◆ **WHAT IS NEEDED**
Within the records, determine how many lines contain the word "IFCINDEXEDPOLYGONALFACEWITHVOIDS". Your reply must consist of that number only.

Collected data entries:
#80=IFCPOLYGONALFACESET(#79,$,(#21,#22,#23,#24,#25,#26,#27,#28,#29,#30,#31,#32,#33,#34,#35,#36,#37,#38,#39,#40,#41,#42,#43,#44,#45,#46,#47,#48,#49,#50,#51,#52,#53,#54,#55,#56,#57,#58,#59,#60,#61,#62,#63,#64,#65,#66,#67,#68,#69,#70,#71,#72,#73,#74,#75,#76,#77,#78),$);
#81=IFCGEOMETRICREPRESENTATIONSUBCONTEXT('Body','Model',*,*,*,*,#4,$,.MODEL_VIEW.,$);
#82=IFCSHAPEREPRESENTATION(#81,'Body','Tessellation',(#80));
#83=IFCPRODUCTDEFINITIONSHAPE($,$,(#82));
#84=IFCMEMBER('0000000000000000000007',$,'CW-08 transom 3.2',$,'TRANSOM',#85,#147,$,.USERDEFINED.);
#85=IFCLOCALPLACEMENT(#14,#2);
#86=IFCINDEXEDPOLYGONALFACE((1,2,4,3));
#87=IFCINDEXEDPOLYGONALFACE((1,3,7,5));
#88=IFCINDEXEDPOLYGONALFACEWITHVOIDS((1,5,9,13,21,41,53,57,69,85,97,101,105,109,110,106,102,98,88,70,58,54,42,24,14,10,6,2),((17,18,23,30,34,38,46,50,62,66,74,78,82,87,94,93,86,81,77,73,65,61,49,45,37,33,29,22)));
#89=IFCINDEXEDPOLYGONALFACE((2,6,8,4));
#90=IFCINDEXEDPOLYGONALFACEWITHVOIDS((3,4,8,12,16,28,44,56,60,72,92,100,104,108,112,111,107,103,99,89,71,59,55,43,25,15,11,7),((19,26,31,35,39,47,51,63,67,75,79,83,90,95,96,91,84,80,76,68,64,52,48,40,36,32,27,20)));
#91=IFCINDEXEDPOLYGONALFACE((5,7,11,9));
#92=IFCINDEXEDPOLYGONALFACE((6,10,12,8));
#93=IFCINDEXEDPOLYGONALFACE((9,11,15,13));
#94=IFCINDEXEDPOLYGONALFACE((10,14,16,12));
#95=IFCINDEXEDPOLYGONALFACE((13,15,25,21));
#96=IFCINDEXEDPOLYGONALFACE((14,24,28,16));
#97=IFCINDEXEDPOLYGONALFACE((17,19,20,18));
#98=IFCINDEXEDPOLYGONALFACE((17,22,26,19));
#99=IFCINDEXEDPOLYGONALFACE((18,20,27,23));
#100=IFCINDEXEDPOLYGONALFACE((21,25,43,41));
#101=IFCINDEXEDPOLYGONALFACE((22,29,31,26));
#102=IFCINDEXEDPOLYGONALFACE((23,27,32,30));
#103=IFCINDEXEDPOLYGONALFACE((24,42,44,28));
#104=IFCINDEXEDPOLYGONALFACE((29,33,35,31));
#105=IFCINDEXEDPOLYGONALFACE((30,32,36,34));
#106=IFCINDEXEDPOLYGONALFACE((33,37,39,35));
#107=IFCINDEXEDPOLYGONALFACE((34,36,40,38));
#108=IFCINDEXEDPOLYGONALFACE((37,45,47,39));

◆ **TASK RESPONSE**
2